» Work request
What lines below contain the string "IFCGEOMETRICREPRESENTATIONSUBCONTEXT"? List them all.

[Collected data]
--------
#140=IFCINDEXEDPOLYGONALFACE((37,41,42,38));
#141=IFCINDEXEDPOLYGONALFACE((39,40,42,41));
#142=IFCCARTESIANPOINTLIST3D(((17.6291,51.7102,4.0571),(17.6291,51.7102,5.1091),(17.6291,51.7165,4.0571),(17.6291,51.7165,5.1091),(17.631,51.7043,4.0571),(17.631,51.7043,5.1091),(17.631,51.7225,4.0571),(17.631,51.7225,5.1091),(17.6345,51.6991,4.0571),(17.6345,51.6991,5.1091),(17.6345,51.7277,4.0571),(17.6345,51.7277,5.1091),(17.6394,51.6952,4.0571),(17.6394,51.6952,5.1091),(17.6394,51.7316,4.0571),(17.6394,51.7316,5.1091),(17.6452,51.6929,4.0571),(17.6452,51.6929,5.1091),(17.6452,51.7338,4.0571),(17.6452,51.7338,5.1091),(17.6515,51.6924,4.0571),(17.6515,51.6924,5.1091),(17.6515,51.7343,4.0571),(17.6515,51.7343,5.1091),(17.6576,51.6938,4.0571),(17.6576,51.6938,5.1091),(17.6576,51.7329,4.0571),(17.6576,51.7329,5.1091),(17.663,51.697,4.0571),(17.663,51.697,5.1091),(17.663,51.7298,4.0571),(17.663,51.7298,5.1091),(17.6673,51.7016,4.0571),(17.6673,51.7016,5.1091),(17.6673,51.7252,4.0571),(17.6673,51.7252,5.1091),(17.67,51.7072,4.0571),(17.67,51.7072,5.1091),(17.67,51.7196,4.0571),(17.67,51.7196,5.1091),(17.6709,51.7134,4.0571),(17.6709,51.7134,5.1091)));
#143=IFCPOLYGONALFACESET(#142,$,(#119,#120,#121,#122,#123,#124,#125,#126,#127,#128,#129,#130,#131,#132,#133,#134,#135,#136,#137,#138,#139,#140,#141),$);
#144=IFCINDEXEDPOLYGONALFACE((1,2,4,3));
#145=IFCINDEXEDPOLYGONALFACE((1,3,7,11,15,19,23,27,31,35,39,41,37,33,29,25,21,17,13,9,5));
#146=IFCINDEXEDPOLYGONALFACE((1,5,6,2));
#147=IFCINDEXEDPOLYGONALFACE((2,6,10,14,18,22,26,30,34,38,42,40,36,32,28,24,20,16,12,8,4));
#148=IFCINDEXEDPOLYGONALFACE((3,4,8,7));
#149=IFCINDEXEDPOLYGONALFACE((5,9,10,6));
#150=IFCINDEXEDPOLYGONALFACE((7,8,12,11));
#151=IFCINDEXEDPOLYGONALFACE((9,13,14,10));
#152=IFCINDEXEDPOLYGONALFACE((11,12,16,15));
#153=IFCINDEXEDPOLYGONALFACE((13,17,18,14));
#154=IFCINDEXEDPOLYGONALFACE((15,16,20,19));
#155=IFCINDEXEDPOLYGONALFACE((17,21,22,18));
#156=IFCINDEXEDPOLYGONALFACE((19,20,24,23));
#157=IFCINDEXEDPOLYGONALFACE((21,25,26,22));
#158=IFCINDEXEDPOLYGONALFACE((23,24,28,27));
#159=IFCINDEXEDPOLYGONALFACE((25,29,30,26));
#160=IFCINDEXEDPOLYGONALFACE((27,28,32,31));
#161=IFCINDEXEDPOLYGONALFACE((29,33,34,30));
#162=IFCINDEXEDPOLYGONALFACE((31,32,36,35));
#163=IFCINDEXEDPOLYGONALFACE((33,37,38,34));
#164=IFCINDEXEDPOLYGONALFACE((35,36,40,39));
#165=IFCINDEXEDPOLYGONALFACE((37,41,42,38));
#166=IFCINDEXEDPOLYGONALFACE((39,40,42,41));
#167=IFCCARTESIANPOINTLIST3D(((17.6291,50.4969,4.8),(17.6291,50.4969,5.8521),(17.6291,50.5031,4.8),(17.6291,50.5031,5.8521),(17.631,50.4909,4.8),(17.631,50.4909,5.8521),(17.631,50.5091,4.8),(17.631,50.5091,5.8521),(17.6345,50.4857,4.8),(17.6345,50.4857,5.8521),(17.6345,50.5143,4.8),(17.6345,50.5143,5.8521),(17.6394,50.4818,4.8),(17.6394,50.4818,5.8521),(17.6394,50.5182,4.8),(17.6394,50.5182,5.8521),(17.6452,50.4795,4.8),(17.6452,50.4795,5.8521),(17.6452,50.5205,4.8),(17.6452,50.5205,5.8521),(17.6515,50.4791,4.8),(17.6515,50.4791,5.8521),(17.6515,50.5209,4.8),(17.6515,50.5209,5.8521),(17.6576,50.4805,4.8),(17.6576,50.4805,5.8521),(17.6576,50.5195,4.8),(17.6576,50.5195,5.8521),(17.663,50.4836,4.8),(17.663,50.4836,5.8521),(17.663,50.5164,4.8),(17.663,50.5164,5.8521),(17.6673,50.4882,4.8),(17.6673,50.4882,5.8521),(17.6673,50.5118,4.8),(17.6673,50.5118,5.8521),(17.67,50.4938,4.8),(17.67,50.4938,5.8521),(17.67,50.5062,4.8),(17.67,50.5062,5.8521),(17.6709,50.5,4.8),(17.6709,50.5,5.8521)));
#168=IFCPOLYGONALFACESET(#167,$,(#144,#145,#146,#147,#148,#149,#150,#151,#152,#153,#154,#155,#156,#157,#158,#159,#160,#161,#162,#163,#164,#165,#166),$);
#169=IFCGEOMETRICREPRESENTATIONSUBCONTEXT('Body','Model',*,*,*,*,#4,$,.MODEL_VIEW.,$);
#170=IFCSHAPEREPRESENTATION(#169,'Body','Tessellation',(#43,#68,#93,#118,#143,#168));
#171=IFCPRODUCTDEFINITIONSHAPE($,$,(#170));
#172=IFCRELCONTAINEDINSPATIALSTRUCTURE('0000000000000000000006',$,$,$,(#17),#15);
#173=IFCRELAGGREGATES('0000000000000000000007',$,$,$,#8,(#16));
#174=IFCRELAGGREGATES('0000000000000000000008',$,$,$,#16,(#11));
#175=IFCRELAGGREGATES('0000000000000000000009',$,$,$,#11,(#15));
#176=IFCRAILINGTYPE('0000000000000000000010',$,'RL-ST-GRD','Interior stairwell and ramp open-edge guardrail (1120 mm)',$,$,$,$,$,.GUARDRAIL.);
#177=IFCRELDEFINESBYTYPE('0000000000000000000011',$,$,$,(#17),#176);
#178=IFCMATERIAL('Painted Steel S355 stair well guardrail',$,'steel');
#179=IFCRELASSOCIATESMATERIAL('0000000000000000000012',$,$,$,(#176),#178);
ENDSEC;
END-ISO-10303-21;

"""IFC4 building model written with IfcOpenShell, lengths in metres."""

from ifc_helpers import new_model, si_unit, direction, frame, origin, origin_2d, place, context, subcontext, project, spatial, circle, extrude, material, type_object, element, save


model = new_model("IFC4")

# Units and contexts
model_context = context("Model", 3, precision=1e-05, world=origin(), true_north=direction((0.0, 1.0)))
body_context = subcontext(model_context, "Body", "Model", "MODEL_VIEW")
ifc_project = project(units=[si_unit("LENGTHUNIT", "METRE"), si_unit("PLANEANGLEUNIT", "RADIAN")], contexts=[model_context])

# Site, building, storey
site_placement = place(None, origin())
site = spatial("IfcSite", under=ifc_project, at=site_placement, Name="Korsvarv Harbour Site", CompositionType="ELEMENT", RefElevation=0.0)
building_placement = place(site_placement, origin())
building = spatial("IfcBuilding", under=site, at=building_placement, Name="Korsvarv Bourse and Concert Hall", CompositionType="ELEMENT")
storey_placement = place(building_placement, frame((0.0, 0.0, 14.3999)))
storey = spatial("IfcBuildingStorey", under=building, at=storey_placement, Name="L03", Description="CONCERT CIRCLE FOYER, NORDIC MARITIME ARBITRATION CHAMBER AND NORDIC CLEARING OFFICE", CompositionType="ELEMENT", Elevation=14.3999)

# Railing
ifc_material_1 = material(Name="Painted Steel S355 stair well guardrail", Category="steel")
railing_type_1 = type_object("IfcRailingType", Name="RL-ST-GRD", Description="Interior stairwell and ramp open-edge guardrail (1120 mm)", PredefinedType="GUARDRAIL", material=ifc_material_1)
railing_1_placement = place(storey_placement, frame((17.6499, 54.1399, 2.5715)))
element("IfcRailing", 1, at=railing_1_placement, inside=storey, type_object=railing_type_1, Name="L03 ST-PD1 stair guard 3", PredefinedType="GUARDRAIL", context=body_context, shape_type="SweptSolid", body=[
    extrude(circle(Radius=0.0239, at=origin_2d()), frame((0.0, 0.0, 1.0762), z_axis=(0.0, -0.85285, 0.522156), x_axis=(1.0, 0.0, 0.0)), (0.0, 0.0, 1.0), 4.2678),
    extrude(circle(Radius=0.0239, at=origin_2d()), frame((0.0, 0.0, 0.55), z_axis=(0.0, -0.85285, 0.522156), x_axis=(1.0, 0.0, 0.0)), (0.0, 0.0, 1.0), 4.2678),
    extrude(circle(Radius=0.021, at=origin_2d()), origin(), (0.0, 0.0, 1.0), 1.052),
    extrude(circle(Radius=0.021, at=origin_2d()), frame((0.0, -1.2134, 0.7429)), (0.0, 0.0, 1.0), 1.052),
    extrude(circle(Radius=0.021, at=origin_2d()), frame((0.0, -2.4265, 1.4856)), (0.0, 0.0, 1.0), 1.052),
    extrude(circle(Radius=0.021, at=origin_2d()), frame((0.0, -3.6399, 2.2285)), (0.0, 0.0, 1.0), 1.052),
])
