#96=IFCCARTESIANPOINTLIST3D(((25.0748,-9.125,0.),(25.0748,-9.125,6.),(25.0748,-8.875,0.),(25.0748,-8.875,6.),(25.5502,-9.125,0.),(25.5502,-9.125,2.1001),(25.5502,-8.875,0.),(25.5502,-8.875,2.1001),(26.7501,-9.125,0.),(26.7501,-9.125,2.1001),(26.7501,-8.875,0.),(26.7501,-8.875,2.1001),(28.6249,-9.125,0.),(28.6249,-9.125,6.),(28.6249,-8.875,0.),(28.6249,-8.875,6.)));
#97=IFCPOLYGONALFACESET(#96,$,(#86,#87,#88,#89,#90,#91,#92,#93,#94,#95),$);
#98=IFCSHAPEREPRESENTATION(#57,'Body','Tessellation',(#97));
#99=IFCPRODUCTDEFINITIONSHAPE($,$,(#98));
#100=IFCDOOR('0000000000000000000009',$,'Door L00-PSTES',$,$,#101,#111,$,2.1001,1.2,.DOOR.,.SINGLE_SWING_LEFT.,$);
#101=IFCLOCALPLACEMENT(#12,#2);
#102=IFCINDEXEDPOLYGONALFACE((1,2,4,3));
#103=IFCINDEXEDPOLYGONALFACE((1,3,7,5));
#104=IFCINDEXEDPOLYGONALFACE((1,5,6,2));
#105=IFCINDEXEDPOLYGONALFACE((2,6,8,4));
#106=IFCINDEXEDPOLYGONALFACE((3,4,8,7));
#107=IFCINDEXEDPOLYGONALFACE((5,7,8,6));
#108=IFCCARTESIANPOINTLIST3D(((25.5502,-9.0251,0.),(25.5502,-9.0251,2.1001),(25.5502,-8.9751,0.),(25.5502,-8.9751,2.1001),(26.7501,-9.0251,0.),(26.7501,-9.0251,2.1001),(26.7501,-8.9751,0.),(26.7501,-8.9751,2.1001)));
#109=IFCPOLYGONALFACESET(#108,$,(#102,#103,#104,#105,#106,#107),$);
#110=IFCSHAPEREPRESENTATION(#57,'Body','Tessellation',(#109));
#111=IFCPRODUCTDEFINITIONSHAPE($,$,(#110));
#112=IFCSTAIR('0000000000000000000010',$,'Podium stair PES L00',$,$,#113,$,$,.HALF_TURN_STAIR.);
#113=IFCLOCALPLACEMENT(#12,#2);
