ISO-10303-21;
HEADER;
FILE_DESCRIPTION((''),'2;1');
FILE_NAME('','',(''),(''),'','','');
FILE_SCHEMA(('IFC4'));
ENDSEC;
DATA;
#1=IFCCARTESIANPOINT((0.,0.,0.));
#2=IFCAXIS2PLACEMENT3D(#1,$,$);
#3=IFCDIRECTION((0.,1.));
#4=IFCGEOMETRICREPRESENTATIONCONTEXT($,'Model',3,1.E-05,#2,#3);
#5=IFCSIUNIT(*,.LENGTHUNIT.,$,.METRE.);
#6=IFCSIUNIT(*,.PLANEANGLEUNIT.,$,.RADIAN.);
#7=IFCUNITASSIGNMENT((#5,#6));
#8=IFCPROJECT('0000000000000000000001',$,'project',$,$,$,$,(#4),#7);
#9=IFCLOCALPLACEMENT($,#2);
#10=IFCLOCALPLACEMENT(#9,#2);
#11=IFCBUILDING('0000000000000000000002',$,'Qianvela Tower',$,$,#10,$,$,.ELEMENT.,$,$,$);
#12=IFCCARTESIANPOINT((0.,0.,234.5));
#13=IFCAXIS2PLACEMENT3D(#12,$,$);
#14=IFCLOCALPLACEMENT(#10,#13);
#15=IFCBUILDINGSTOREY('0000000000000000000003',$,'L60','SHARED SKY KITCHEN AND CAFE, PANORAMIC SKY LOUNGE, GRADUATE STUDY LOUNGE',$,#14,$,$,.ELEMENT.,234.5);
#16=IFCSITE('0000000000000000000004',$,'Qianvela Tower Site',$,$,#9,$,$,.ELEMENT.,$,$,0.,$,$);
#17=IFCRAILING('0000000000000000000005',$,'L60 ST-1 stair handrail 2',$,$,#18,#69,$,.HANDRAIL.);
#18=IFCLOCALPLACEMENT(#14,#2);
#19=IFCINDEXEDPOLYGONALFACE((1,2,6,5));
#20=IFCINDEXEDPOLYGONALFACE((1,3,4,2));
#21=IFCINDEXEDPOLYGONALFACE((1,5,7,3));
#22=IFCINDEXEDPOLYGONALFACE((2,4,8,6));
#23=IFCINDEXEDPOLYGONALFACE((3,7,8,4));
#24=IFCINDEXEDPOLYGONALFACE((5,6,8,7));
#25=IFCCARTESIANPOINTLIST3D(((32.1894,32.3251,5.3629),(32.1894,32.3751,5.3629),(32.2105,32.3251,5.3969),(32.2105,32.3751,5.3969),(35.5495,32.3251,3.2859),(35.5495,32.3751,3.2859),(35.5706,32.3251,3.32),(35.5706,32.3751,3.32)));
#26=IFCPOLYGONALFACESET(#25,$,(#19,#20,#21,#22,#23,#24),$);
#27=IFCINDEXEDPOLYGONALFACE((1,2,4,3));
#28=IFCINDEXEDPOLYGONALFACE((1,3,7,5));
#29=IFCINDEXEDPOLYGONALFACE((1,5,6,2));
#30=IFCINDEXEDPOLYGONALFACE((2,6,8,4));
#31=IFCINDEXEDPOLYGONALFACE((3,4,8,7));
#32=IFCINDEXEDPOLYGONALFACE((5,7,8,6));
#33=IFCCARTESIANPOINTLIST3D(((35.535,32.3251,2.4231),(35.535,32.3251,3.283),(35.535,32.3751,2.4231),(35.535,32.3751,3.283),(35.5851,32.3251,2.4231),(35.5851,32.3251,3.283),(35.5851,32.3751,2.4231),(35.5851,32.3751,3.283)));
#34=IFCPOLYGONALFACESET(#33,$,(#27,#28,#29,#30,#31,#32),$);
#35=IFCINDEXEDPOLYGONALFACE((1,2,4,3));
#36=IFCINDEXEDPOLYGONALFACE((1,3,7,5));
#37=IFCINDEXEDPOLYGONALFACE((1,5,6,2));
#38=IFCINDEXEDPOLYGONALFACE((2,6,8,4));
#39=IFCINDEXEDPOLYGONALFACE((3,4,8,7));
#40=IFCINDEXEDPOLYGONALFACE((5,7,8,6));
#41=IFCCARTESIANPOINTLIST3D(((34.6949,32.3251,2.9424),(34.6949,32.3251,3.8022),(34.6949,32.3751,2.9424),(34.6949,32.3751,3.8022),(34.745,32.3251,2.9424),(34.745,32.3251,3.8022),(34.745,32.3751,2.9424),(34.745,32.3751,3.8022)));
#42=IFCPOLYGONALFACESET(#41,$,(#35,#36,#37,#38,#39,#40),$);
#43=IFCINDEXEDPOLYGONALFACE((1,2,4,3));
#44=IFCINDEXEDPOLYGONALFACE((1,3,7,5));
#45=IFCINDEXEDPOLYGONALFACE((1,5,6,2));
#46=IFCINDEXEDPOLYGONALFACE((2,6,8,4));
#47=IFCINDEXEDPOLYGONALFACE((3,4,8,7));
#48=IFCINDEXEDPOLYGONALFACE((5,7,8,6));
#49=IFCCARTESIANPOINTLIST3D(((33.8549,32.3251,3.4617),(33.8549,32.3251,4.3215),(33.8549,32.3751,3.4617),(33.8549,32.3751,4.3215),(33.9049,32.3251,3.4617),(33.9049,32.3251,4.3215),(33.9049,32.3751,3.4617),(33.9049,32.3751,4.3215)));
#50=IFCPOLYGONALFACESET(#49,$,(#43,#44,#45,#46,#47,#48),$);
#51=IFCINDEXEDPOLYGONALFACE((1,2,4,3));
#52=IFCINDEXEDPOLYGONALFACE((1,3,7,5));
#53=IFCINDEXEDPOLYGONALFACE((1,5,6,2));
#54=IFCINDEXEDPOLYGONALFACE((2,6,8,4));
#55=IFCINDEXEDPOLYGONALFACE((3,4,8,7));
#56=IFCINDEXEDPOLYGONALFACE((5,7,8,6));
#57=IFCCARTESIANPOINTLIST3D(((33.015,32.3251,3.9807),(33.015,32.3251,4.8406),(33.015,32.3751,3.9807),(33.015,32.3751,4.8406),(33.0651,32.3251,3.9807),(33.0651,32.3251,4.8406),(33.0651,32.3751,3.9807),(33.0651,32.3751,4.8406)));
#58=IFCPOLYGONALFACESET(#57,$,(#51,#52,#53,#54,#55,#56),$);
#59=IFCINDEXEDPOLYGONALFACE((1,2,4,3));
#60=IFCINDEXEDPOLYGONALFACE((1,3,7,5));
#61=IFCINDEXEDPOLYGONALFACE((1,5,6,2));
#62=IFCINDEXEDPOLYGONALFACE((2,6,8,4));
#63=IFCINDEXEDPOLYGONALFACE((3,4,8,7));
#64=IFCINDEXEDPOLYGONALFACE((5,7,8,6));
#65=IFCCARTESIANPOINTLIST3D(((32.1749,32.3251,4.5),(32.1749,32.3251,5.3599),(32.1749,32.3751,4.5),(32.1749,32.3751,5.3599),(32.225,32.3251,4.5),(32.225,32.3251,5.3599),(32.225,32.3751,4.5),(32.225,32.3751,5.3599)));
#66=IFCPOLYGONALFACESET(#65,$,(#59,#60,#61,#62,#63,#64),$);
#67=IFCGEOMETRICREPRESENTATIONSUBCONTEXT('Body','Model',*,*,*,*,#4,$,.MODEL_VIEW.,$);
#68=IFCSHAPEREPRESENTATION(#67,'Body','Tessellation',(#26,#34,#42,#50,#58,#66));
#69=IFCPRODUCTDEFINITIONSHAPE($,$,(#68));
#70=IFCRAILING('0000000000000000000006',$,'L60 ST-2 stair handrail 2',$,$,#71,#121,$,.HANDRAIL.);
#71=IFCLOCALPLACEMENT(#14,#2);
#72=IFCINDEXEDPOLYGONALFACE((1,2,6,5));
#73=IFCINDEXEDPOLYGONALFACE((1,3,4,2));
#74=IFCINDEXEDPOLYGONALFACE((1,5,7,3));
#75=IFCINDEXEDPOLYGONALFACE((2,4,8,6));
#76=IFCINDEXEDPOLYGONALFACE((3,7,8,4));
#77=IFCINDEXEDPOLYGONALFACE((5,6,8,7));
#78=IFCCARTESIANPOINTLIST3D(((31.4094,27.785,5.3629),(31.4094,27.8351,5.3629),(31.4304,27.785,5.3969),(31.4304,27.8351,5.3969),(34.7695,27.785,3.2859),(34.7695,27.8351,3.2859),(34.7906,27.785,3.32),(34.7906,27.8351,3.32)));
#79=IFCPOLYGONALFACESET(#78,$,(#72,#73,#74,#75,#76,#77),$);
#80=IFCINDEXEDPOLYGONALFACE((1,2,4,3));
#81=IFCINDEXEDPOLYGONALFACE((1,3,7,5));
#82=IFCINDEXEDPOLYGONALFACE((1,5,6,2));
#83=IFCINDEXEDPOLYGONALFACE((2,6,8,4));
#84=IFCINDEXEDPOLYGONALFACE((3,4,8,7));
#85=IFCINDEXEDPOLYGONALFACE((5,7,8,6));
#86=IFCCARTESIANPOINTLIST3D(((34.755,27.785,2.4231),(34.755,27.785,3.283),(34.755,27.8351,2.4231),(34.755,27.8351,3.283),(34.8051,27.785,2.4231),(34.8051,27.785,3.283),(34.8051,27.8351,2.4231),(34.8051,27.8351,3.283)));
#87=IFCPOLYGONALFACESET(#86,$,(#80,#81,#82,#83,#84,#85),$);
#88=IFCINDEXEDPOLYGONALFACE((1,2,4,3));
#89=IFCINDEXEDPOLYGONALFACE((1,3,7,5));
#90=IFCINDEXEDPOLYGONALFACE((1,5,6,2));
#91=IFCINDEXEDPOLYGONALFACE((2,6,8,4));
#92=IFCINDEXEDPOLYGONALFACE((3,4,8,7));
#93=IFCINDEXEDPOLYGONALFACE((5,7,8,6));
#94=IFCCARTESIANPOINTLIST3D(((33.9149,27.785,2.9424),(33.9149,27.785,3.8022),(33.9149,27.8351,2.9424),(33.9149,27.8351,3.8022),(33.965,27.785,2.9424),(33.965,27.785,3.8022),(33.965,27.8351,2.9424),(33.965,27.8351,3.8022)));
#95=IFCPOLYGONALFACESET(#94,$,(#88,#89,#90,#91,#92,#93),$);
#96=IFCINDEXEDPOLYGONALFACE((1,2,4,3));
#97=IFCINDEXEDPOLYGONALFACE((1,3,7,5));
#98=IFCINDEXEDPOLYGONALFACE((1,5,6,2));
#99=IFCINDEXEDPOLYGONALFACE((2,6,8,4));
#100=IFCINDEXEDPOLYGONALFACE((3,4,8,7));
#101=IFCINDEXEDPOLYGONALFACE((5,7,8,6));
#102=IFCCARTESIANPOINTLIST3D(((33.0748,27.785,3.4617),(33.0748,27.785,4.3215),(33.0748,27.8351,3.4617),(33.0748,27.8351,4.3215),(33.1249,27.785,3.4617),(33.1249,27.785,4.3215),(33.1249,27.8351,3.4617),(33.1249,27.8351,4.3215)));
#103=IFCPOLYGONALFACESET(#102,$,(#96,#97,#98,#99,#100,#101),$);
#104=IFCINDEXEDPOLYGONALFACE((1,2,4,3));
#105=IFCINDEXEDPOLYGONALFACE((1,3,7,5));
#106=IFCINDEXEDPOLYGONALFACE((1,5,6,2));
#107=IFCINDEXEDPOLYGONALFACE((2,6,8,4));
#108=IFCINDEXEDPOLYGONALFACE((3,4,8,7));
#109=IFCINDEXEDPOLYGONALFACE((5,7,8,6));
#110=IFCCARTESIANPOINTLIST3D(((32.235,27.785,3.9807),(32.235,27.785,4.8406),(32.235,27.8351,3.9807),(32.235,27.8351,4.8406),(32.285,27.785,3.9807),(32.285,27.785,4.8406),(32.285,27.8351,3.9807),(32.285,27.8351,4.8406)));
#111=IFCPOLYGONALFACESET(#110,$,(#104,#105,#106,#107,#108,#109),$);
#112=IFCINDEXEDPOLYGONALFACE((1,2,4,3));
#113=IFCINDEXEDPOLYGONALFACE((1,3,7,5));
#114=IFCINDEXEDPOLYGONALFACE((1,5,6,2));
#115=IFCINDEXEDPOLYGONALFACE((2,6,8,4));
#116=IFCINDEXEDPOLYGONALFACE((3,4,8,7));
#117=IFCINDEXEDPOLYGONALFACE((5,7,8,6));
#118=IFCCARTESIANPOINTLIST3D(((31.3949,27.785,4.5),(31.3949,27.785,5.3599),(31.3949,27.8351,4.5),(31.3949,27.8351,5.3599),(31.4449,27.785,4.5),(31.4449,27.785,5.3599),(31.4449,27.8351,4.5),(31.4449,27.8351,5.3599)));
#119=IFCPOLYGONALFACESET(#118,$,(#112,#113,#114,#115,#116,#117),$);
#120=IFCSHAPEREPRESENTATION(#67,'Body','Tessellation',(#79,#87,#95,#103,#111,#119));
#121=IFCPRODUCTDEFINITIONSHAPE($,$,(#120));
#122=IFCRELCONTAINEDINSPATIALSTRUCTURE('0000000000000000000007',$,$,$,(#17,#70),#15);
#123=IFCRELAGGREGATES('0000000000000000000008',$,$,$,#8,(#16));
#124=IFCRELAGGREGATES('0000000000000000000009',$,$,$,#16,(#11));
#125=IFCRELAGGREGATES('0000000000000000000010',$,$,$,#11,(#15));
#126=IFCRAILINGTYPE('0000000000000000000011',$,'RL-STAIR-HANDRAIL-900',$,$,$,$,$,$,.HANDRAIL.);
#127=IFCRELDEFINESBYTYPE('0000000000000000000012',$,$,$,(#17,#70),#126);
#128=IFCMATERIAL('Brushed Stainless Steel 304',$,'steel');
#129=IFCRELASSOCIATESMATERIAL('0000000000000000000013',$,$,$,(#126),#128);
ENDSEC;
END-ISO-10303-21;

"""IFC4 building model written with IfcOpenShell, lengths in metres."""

from ifc_helpers import new_model, si_unit, direction, frame, origin, origin_2d, place, context, subcontext, project, spatial, rectangle, extrude, material, type_object, element, save


model = new_model("IFC4")

# Units and contexts
model_context = context("Model", 3, precision=1e-05, world=origin(), true_north=direction((0.0, 1.0)))
body_context = subcontext(model_context, "Body", "Model", "MODEL_VIEW")
ifc_project = project(units=[si_unit("LENGTHUNIT", "METRE"), si_unit("PLANEANGLEUNIT", "RADIAN")], contexts=[model_context])

# Site, building, storey
site_placement = place(None, origin())
site = spatial("IfcSite", under=ifc_project, at=site_placement, Name="Qianvela Tower Site", CompositionType="ELEMENT", RefElevation=0.0)
building_placement = place(site_placement, origin())
building = spatial("IfcBuilding", under=site, at=building_placement, Name="Qianvela Tower", CompositionType="ELEMENT")
storey_placement = place(building_placement, frame((0.0, 0.0, 234.5)))
storey = spatial("IfcBuildingStorey", under=building, at=storey_placement, Name="L60", Description="SHARED SKY KITCHEN AND CAFE, PANORAMIC SKY LOUNGE, GRADUATE STUDY LOUNGE", CompositionType="ELEMENT", Elevation=234.5)

# Railings
ifc_material_1 = material(Name="Brushed Stainless Steel 304", Category="steel")
railing_type_1 = type_object("IfcRailingType", Name="RL-STAIR-HANDRAIL-900", PredefinedType="HANDRAIL", material=ifc_material_1)
for number, where, name in (
    (1, (35.5601, 32.3501, 2.4231), "L60 ST-1 stair handrail 2"),
    (2, (34.78, 27.8101, 2.4231), "L60 ST-2 stair handrail 2"),
):
    element("IfcRailing", number, at=place(storey_placement, frame(where)), inside=storey, type_object=railing_type_1, Name=name, PredefinedType="HANDRAIL", context=body_context, shape_type="SweptSolid", body=[
        extrude(rectangle(XDim=0.05, YDim=0.04, at=origin_2d()), frame((0.0, 0.0, 0.8799), z_axis=(-0.850623, 0.0, 0.525776), x_axis=(0.0, -1.0, 0.0)), (0.0, 0.0, 1.0), 3.9502),
        extrude(rectangle(XDim=0.05, YDim=0.05, at=origin_2d()), origin(), (0.0, 0.0, 1.0), 0.8599),
        extrude(rectangle(XDim=0.05, YDim=0.05, at=origin_2d()), frame((-0.8401, 0.0, 0.5193)), (0.0, 0.0, 1.0), 0.8599),
        extrude(rectangle(XDim=0.05, YDim=0.05, at=origin_2d()), frame((-1.6802, 0.0, 1.0386)), (0.0, 0.0, 1.0), 0.8599),
        extrude(rectangle(XDim=0.05, YDim=0.05, at=origin_2d()), frame((-2.52, 0.0, 1.5576)), (0.0, 0.0, 1.0), 0.8599),
        extrude(rectangle(XDim=0.05, YDim=0.05, at=origin_2d()), frame((-3.3601, 0.0, 2.0769)), (0.0, 0.0, 1.0), 0.8599),
    ])

save(model, "model.ifc")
--------
» Response
#169=IFCGEOMETRICREPRESENTATIONSUBCONTEXT('Body','Model',*,*,*,*,#4,$,.MODEL_VIEW.,$);
#67=IFCGEOMETRICREPRESENTATIONSUBCONTEXT('Body','Model',*,*,*,*,#4,$,.MODEL_VIEW.,$);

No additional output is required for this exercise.